— WHAT IS REQUIRED —
From the line containing "x_axis=(1.0, 0.0, 0.0)))" down to the last line of the records below, restate each line word for word and leave out the rest.

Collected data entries
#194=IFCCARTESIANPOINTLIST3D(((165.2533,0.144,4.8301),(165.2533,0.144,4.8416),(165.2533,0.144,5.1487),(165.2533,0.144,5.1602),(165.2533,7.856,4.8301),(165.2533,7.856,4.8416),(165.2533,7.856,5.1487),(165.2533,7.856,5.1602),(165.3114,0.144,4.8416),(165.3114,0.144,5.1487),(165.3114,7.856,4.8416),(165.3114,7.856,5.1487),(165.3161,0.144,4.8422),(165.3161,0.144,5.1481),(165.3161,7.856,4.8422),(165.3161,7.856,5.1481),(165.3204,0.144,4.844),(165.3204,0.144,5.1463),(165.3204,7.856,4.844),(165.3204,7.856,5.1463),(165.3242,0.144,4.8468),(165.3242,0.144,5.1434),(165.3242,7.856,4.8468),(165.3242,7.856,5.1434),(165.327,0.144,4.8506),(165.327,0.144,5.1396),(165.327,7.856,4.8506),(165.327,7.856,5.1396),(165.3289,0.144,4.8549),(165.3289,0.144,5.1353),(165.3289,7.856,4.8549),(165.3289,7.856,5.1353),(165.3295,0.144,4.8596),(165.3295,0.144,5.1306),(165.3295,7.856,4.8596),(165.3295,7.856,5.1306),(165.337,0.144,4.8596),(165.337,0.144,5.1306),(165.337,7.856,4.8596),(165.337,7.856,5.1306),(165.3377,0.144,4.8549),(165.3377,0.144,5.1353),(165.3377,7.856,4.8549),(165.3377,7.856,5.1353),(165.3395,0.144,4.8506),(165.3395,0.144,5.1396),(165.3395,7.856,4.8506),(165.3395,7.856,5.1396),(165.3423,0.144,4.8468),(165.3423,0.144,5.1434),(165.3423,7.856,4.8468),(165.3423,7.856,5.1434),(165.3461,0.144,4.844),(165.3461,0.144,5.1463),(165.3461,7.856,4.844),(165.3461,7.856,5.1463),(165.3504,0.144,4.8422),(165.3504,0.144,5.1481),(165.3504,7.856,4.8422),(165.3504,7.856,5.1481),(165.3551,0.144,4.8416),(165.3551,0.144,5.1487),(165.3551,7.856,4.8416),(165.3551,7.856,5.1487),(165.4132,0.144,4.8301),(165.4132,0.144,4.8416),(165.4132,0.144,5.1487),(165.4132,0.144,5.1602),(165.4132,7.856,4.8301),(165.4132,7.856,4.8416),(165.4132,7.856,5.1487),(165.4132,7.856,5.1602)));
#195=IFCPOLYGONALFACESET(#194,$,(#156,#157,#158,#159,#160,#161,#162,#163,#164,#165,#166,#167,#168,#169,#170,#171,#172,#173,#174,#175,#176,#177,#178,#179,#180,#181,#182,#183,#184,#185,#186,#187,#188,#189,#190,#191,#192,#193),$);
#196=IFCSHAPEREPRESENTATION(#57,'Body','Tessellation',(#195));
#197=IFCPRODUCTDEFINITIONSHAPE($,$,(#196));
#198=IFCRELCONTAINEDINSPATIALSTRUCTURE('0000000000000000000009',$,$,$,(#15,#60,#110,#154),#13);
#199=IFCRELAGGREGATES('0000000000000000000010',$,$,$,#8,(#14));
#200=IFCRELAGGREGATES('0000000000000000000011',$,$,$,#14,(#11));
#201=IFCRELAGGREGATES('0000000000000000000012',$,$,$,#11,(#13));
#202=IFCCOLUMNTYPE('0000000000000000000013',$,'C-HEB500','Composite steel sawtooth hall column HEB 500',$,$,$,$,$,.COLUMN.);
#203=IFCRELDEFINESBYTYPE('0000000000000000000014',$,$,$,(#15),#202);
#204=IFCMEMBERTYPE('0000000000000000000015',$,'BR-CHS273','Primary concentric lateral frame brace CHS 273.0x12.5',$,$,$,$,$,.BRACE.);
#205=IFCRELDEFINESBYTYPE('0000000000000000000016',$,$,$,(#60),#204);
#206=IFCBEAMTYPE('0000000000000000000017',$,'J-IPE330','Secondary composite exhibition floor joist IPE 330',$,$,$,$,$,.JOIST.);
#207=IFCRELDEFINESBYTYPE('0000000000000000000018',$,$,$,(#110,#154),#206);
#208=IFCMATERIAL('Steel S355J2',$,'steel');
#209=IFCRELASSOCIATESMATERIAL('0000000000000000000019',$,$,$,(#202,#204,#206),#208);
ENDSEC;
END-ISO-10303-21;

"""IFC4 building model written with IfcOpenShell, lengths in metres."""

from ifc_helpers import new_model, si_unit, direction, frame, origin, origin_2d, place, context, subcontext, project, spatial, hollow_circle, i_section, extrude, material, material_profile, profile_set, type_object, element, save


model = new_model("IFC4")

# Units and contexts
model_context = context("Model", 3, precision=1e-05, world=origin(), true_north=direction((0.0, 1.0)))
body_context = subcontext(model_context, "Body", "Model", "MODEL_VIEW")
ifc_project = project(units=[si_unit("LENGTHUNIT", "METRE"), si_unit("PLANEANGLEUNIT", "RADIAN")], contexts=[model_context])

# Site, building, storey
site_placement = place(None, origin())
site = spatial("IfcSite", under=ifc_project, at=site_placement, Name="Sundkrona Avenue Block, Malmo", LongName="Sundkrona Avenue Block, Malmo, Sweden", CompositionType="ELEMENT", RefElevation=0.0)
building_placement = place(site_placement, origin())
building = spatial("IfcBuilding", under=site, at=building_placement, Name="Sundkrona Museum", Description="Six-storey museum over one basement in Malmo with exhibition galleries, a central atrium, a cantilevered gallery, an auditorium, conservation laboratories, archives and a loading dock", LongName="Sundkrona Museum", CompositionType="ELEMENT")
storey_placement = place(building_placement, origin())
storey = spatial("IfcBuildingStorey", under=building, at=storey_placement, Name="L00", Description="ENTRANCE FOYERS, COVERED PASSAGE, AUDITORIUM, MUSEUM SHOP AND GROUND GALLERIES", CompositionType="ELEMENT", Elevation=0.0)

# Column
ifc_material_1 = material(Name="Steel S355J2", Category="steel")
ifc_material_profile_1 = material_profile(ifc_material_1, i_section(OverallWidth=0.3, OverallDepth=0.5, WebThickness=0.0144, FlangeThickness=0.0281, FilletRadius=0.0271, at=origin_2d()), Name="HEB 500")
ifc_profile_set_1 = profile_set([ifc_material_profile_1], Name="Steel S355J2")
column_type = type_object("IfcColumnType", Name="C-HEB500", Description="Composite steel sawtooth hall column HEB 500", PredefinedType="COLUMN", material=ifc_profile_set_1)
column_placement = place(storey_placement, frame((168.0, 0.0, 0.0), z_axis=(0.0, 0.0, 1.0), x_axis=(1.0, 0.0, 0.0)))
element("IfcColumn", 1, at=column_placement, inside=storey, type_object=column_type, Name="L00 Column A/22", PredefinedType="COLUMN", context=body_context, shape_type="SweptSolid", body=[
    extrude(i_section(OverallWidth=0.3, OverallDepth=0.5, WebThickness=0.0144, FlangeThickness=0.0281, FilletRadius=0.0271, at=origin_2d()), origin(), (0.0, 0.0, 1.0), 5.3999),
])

— ANSWER FOR THIS EXERCISE —
column_placement = place(storey_placement, frame((168.0, 0.0, 0.0), z_axis=(0.0, 0.0, 1.0), x_axis=(1.0, 0.0, 0.0)))
element("IfcColumn", 1, at=column_placement, inside=storey, type_object=column_type, Name="L00 Column A/22", PredefinedType="COLUMN", context=body_context, shape_type="SweptSolid", body=[
    extrude(i_section(OverallWidth=0.3, OverallDepth=0.5, WebThickness=0.0144, FlangeThickness=0.0281, FilletRadius=0.0271, at=origin_2d()), origin(), (0.0, 0.0, 1.0), 5.3999),
])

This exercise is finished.